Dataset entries

= = =

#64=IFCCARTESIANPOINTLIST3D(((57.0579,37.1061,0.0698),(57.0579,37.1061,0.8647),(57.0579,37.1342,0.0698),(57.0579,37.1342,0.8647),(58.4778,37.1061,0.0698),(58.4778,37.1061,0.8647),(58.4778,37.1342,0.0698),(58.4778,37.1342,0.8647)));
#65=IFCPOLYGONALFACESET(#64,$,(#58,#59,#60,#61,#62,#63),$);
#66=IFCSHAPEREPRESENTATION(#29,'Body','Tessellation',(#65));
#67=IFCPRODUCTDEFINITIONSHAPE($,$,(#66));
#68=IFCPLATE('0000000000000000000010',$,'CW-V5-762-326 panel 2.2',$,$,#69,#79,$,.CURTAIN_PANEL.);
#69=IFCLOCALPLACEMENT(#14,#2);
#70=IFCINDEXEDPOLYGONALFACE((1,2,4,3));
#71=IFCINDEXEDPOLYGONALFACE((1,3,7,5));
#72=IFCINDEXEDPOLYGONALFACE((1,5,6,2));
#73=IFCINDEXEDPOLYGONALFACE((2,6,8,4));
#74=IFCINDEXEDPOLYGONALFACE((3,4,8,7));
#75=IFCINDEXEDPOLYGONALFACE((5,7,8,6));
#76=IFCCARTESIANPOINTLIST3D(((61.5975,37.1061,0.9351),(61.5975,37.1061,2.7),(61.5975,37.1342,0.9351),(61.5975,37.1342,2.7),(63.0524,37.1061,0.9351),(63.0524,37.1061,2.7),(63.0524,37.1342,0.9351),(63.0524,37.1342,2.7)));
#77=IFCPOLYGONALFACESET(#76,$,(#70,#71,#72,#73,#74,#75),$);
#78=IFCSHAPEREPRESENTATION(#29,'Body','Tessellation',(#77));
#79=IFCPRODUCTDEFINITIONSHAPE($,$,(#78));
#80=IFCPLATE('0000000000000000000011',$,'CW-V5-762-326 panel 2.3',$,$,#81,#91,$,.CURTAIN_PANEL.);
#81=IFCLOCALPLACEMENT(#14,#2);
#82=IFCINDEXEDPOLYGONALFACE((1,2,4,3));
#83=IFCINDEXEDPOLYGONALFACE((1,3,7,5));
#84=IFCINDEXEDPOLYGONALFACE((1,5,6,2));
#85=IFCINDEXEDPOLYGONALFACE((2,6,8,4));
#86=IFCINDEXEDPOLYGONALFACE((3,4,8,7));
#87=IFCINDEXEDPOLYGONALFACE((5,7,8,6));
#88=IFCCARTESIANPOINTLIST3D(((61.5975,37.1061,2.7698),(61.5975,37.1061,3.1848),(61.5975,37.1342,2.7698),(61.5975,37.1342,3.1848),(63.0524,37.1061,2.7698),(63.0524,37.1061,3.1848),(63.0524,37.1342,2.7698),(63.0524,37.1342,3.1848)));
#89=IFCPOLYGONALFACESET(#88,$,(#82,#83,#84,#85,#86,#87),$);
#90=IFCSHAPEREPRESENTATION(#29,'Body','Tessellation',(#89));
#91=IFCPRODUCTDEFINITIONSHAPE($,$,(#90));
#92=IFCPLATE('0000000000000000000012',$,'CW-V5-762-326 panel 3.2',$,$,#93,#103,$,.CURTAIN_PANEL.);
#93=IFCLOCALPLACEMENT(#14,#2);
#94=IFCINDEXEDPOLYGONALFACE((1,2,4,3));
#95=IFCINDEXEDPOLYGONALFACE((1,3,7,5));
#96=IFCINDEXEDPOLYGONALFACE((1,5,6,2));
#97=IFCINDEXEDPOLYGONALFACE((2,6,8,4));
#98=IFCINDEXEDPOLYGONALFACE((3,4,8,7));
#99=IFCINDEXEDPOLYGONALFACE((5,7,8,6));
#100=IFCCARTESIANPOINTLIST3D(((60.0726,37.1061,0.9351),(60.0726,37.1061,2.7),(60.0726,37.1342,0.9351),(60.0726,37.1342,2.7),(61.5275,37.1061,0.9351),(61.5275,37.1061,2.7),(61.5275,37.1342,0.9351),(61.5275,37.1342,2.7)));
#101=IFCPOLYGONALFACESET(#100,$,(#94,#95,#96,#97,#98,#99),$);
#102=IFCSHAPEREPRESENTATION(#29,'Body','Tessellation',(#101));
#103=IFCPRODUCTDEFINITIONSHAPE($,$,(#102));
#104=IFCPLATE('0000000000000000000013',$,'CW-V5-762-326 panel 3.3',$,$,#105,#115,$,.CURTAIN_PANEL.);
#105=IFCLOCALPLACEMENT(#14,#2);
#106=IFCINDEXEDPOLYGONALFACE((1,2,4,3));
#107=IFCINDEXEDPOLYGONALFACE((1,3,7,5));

= = =

**Task brief:**
Print all of the entries exactly as they appear.

**Task output:**
#64=IFCCARTESIANPOINTLIST3D(((57.0579,37.1061,0.0698),(57.0579,37.1061,0.8647),(57.0579,37.1342,0.0698),(57.0579,37.1342,0.8647),(58.4778,37.1061,0.0698),(58.4778,37.1061,0.8647),(58.4778,37.1342,0.0698),(58.4778,37.1342,0.8647)));
#65=IFCPOLYGONALFACESET(#64,$,(#58,#59,#60,#61,#62,#63),$);
#66=IFCSHAPEREPRESENTATION(#29,'Body','Tessellation',(#65));
#67=IFCPRODUCTDEFINITIONSHAPE($,$,(#66));
#68=IFCPLATE('0000000000000000000010',$,'CW-V5-762-326 panel 2.2',$,$,#69,#79,$,.CURTAIN_PANEL.);
#69=IFCLOCALPLACEMENT(#14,#2);
#70=IFCINDEXEDPOLYGONALFACE((1,2,4,3));
#71=IFCINDEXEDPOLYGONALFACE((1,3,7,5));
#72=IFCINDEXEDPOLYGONALFACE((1,5,6,2));
#73=IFCINDEXEDPOLYGONALFACE((2,6,8,4));
#74=IFCINDEXEDPOLYGONALFACE((3,4,8,7));
#75=IFCINDEXEDPOLYGONALFACE((5,7,8,6));
#76=IFCCARTESIANPOINTLIST3D(((61.5975,37.1061,0.9351),(61.5975,37.1061,2.7),(61.5975,37.1342,0.9351),(61.5975,37.1342,2.7),(63.0524,37.1061,0.9351),(63.0524,37.1061,2.7),(63.0524,37.1342,0.9351),(63.0524,37.1342,2.7)));
#77=IFCPOLYGONALFACESET(#76,$,(#70,#71,#72,#73,#74,#75),$);
#78=IFCSHAPEREPRESENTATION(#29,'Body','Tessellation',(#77));
#79=IFCPRODUCTDEFINITIONSHAPE($,$,(#78));
#80=IFCPLATE('0000000000000000000011',$,'CW-V5-762-326 panel 2.3',$,$,#81,#91,$,.CURTAIN_PANEL.);
#81=IFCLOCALPLACEMENT(#14,#2);
#82=IFCINDEXEDPOLYGONALFACE((1,2,4,3));
#83=IFCINDEXEDPOLYGONALFACE((1,3,7,5));
#84=IFCINDEXEDPOLYGONALFACE((1,5,6,2));
#85=IFCINDEXEDPOLYGONALFACE((2,6,8,4));
#86=IFCINDEXEDPOLYGONALFACE((3,4,8,7));
#87=IFCINDEXEDPOLYGONALFACE((5,7,8,6));
#88=IFCCARTESIANPOINTLIST3D(((61.5975,37.1061,2.7698),(61.5975,37.1061,3.1848),(61.5975,37.1342,2.7698),(61.5975,37.1342,3.1848),(63.0524,37.1061,2.7698),(63.0524,37.1061,3.1848),(63.0524,37.1342,2.7698),(63.0524,37.1342,3.1848)));
#89=IFCPOLYGONALFACESET(#88,$,(#82,#83,#84,#85,#86,#87),$);
#90=IFCSHAPEREPRESENTATION(#29,'Body','Tessellation',(#89));
#91=IFCPRODUCTDEFINITIONSHAPE($,$,(#90));
#92=IFCPLATE('0000000000000000000012',$,'CW-V5-762-326 panel 3.2',$,$,#93,#103,$,.CURTAIN_PANEL.);
#93=IFCLOCALPLACEMENT(#14,#2);
#94=IFCINDEXEDPOLYGONALFACE((1,2,4,3));
#95=IFCINDEXEDPOLYGONALFACE((1,3,7,5));
#96=IFCINDEXEDPOLYGONALFACE((1,5,6,2));
#97=IFCINDEXEDPOLYGONALFACE((2,6,8,4));
#98=IFCINDEXEDPOLYGONALFACE((3,4,8,7));
#99=IFCINDEXEDPOLYGONALFACE((5,7,8,6));
#100=IFCCARTESIANPOINTLIST3D(((60.0726,37.1061,0.9351),(60.0726,37.1061,2.7),(60.0726,37.1342,0.9351),(60.0726,37.1342,2.7),(61.5275,37.1061,0.9351),(61.5275,37.1061,2.7),(61.5275,37.1342,0.9351),(61.5275,37.1342,2.7)));
#101=IFCPOLYGONALFACESET(#100,$,(#94,#95,#96,#97,#98,#99),$);
#102=IFCSHAPEREPRESENTATION(#29,'Body','Tessellation',(#101));
#103=IFCPRODUCTDEFINITIONSHAPE($,$,(#102));
#104=IFCPLATE('0000000000000000000013',$,'CW-V5-762-326 panel 3.3',$,$,#105,#115,$,.CURTAIN_PANEL.);
#105=IFCLOCALPLACEMENT(#14,#2);
#106=IFCINDEXEDPOLYGONALFACE((1,2,4,3));
#107=IFCINDEXEDPOLYGONALFACE((1,3,7,5));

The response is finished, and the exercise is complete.